Work instructions >>
Give the data again exactly, from its opening line through the line in which "building model written" appears.

Collected data:
****************************************

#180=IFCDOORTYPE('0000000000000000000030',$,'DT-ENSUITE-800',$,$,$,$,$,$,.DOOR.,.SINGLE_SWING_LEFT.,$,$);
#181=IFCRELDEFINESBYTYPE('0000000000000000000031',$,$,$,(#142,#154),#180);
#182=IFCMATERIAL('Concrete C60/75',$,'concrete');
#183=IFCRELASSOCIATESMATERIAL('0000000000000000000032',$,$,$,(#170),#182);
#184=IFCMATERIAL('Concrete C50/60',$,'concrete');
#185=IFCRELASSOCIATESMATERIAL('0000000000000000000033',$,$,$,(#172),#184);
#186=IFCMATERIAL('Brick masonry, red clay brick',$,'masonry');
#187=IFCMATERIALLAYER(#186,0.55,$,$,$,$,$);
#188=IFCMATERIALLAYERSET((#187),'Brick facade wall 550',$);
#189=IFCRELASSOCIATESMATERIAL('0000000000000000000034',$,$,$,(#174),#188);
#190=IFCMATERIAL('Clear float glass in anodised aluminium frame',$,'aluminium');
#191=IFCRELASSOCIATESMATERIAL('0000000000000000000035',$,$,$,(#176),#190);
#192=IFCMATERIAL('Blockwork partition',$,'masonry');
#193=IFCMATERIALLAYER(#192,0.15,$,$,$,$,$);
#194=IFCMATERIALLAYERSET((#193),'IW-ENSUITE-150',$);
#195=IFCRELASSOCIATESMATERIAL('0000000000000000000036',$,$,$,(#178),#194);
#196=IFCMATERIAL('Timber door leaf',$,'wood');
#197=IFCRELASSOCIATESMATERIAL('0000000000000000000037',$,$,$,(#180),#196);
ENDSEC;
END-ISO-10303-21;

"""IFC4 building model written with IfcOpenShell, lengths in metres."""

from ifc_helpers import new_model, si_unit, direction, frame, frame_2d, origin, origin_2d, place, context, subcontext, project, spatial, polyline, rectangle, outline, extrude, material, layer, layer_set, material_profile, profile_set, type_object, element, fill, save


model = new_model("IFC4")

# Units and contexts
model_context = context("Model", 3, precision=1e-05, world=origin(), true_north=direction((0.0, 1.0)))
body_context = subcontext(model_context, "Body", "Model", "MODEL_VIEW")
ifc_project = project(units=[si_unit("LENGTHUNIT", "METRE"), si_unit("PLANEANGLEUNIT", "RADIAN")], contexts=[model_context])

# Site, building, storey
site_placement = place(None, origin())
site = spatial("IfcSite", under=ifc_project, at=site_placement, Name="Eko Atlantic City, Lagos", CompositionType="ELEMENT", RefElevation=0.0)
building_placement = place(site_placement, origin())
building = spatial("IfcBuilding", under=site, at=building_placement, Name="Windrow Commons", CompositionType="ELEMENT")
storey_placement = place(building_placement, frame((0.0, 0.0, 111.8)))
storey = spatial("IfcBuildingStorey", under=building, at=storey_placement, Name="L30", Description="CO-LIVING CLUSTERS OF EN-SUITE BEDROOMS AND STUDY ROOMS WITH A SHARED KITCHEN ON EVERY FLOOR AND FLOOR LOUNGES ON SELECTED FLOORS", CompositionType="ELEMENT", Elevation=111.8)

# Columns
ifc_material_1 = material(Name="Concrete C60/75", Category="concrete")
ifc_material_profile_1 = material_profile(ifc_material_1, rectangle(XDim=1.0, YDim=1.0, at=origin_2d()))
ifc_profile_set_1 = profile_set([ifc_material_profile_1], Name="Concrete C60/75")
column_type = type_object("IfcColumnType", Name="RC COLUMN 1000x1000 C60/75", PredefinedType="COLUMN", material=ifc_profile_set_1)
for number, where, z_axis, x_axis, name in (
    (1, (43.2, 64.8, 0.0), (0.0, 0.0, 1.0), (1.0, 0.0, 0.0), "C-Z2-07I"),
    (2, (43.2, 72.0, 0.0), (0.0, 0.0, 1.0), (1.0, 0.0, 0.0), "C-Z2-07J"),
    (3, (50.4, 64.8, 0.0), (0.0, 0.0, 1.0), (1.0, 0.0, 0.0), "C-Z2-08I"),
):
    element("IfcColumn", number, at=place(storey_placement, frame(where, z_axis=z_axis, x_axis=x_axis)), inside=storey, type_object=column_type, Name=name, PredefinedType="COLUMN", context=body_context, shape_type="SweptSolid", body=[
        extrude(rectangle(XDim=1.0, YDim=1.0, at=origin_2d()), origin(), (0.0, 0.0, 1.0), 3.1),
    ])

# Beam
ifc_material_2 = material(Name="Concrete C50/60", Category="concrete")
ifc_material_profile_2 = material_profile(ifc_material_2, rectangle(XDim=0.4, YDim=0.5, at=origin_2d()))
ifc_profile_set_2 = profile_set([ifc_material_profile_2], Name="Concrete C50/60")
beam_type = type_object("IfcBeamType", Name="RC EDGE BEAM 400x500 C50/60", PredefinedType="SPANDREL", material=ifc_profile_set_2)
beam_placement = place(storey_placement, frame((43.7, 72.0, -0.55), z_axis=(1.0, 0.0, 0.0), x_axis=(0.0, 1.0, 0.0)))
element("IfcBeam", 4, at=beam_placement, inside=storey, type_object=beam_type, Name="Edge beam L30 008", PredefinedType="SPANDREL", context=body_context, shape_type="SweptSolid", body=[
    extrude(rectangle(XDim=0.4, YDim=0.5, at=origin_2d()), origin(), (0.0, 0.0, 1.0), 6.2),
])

****************************************

Answer section >>
#180=IFCDOORTYPE('0000000000000000000030',$,'DT-ENSUITE-800',$,$,$,$,$,$,.DOOR.,.SINGLE_SWING_LEFT.,$,$);
#181=IFCRELDEFINESBYTYPE('0000000000000000000031',$,$,$,(#142,#154),#180);
#182=IFCMATERIAL('Concrete C60/75',$,'concrete');
#183=IFCRELASSOCIATESMATERIAL('0000000000000000000032',$,$,$,(#170),#182);
#184=IFCMATERIAL('Concrete C50/60',$,'concrete');
#185=IFCRELASSOCIATESMATERIAL('0000000000000000000033',$,$,$,(#172),#184);
#186=IFCMATERIAL('Brick masonry, red clay brick',$,'masonry');
#187=IFCMATERIALLAYER(#186,0.55,$,$,$,$,$);
#188=IFCMATERIALLAYERSET((#187),'Brick facade wall 550',$);
#189=IFCRELASSOCIATESMATERIAL('0000000000000000000034',$,$,$,(#174),#188);
#190=IFCMATERIAL('Clear float glass in anodised aluminium frame',$,'aluminium');
#191=IFCRELASSOCIATESMATERIAL('0000000000000000000035',$,$,$,(#176),#190);
#192=IFCMATERIAL('Blockwork partition',$,'masonry');
#193=IFCMATERIALLAYER(#192,0.15,$,$,$,$,$);
#194=IFCMATERIALLAYERSET((#193),'IW-ENSUITE-150',$);
#195=IFCRELASSOCIATESMATERIAL('0000000000000000000036',$,$,$,(#178),#194);
#196=IFCMATERIAL('Timber door leaf',$,'wood');
#197=IFCRELASSOCIATESMATERIAL('0000000000000000000037',$,$,$,(#180),#196);
ENDSEC;
END-ISO-10303-21;

"""IFC4 building model written with IfcOpenShell, lengths in metres."""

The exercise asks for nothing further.